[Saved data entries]

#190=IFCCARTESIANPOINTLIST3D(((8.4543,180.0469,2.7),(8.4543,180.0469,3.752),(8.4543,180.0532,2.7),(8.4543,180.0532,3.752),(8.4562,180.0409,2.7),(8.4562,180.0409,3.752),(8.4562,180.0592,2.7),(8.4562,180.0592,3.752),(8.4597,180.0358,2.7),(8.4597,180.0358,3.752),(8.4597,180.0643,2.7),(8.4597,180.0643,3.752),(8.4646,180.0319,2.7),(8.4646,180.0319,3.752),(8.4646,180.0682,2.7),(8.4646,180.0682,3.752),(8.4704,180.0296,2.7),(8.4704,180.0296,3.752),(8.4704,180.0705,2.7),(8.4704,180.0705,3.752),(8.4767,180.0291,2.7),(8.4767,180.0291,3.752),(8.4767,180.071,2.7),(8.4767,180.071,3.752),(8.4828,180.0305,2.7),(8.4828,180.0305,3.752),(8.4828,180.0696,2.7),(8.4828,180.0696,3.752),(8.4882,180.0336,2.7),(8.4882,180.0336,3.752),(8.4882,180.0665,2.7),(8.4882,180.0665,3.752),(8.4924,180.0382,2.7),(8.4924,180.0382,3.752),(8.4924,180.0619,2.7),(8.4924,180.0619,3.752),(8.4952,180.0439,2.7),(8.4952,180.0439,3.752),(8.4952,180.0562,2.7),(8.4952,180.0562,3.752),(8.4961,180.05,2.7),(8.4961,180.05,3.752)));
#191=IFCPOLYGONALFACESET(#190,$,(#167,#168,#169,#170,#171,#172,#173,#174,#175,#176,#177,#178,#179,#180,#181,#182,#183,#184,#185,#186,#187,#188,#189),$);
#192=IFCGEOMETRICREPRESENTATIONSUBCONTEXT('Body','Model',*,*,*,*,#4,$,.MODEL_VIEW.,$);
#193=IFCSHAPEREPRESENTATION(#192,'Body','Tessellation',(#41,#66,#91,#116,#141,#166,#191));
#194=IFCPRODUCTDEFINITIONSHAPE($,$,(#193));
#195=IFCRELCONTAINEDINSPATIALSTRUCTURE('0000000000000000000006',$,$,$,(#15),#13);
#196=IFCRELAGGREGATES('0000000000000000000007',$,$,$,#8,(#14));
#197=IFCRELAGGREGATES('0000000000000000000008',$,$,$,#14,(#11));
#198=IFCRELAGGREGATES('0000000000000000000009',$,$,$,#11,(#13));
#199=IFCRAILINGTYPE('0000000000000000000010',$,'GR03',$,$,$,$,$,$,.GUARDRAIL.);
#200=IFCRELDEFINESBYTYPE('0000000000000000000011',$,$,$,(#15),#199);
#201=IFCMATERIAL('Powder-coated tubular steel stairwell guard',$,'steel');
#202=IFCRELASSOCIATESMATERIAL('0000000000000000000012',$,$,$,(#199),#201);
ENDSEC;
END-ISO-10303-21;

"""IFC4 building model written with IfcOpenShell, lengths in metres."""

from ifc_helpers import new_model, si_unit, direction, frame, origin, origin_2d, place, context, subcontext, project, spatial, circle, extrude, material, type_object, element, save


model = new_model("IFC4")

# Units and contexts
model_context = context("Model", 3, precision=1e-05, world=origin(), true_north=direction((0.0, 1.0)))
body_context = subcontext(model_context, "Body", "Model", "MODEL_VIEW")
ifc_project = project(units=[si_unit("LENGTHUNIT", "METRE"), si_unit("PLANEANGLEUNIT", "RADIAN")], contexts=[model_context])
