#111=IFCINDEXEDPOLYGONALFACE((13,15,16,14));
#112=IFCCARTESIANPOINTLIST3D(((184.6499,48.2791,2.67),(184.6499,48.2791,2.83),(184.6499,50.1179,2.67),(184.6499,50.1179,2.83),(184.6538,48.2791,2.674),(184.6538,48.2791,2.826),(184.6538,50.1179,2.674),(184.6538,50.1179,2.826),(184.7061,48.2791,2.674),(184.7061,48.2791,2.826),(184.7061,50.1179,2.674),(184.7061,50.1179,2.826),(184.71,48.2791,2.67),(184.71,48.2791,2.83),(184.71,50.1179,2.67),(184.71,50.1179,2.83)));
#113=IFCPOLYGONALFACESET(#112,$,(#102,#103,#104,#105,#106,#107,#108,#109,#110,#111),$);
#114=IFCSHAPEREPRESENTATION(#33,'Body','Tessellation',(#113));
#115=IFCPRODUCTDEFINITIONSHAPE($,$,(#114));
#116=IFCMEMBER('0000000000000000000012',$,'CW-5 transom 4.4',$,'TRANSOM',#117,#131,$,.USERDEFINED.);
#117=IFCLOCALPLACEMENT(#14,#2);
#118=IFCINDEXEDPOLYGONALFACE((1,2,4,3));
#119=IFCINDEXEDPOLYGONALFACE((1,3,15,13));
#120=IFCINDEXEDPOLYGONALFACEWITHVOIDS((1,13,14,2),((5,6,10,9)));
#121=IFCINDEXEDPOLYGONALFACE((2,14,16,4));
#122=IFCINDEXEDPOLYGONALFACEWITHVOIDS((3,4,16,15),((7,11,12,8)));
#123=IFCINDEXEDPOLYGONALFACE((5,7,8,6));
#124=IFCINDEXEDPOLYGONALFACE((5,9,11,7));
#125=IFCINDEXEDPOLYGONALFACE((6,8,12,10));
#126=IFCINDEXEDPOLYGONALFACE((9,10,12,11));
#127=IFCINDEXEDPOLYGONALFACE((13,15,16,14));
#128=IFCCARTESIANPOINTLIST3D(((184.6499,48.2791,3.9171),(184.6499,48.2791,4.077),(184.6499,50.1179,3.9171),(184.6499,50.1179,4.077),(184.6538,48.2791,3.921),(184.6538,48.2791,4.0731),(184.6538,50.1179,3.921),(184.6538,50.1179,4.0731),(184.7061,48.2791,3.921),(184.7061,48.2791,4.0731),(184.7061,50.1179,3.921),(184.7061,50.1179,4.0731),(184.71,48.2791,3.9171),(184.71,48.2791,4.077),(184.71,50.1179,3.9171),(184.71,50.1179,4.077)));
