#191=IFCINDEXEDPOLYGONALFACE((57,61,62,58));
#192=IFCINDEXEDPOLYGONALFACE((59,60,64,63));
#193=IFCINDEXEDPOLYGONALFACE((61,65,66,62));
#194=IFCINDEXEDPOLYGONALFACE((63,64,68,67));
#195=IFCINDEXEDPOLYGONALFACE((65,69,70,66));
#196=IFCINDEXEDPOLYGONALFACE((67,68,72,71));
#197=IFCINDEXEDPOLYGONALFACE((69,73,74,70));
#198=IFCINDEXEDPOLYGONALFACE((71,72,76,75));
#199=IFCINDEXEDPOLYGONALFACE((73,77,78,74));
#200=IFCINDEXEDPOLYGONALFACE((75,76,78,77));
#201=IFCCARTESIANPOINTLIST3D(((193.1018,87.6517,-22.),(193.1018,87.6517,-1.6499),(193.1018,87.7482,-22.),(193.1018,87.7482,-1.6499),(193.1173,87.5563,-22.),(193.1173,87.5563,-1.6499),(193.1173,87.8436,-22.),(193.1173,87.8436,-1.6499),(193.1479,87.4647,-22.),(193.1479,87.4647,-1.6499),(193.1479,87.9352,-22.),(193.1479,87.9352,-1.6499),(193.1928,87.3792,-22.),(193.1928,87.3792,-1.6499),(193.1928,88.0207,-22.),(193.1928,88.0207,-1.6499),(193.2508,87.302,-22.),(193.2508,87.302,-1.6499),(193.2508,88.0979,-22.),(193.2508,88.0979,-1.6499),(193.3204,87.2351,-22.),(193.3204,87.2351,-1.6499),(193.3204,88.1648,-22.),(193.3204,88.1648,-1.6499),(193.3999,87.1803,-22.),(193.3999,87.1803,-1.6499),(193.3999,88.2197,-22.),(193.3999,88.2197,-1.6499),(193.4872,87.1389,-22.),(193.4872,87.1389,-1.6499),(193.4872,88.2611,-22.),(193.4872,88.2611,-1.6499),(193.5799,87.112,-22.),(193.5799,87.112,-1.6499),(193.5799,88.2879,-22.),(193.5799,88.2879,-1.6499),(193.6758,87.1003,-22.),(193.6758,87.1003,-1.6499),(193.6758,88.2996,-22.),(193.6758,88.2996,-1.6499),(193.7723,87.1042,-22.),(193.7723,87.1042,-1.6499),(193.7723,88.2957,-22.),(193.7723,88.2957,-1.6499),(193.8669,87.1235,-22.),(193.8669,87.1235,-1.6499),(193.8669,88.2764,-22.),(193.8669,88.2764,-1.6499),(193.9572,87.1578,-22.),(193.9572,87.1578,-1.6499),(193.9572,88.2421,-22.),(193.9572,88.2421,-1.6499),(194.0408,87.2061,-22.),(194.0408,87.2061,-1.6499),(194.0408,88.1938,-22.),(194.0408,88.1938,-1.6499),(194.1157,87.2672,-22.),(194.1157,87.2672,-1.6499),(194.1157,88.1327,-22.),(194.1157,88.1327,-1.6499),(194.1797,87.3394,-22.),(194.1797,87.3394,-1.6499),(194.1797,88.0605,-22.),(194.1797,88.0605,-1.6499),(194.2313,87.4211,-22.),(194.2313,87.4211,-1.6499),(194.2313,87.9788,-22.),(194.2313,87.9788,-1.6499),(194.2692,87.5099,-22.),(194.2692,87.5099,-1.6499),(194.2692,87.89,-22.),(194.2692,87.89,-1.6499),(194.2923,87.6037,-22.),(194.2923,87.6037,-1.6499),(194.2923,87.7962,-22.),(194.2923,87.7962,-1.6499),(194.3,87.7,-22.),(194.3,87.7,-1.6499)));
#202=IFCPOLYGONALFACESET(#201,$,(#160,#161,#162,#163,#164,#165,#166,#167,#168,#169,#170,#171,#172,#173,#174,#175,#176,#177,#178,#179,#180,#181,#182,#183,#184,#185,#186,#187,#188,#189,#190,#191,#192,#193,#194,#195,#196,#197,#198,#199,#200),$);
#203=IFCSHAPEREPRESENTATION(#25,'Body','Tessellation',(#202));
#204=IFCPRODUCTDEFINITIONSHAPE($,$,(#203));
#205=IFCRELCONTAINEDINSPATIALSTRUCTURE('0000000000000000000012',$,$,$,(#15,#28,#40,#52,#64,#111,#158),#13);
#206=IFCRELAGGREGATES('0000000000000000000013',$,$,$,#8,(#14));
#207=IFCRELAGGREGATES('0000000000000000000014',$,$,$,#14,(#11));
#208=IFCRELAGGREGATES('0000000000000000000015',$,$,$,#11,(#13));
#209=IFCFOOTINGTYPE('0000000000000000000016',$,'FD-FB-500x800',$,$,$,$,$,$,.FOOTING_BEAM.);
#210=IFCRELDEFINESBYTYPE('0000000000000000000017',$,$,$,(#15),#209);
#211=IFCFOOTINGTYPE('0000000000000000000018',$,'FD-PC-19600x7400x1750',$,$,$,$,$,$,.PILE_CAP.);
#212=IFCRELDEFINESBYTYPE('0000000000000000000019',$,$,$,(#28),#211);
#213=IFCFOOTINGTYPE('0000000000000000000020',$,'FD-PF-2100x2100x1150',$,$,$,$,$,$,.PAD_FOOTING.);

Brief: Among the records above, extract exactly the lines from the line with "#111=IFCINDEXEDPOLYGONALFACE((13,15,16,14));" to the line with "#127=IFCINDEXEDPOLYGONALFACE((13,15,16,14));", both lines included, and leave out the rest.

Reply to the exercise:
#111=IFCINDEXEDPOLYGONALFACE((13,15,16,14));
#112=IFCCARTESIANPOINTLIST3D(((184.6499,48.2791,2.67),(184.6499,48.2791,2.83),(184.6499,50.1179,2.67),(184.6499,50.1179,2.83),(184.6538,48.2791,2.674),(184.6538,48.2791,2.826),(184.6538,50.1179,2.674),(184.6538,50.1179,2.826),(184.7061,48.2791,2.674),(184.7061,48.2791,2.826),(184.7061,50.1179,2.674),(184.7061,50.1179,2.826),(184.71,48.2791,2.67),(184.71,48.2791,2.83),(184.71,50.1179,2.67),(184.71,50.1179,2.83)));
#113=IFCPOLYGONALFACESET(#112,$,(#102,#103,#104,#105,#106,#107,#108,#109,#110,#111),$);
#114=IFCSHAPEREPRESENTATION(#33,'Body','Tessellation',(#113));
#115=IFCPRODUCTDEFINITIONSHAPE($,$,(#114));
#116=IFCMEMBER('0000000000000000000012',$,'CW-5 transom 4.4',$,'TRANSOM',#117,#131,$,.USERDEFINED.);
#117=IFCLOCALPLACEMENT(#14,#2);
#118=IFCINDEXEDPOLYGONALFACE((1,2,4,3));
#119=IFCINDEXEDPOLYGONALFACE((1,3,15,13));
#120=IFCINDEXEDPOLYGONALFACEWITHVOIDS((1,13,14,2),((5,6,10,9)));
#121=IFCINDEXEDPOLYGONALFACE((2,14,16,4));
#122=IFCINDEXEDPOLYGONALFACEWITHVOIDS((3,4,16,15),((7,11,12,8)));
#123=IFCINDEXEDPOLYGONALFACE((5,7,8,6));
#124=IFCINDEXEDPOLYGONALFACE((5,9,11,7));
#125=IFCINDEXEDPOLYGONALFACE((6,8,12,10));
#126=IFCINDEXEDPOLYGONALFACE((9,10,12,11));
#127=IFCINDEXEDPOLYGONALFACE((13,15,16,14));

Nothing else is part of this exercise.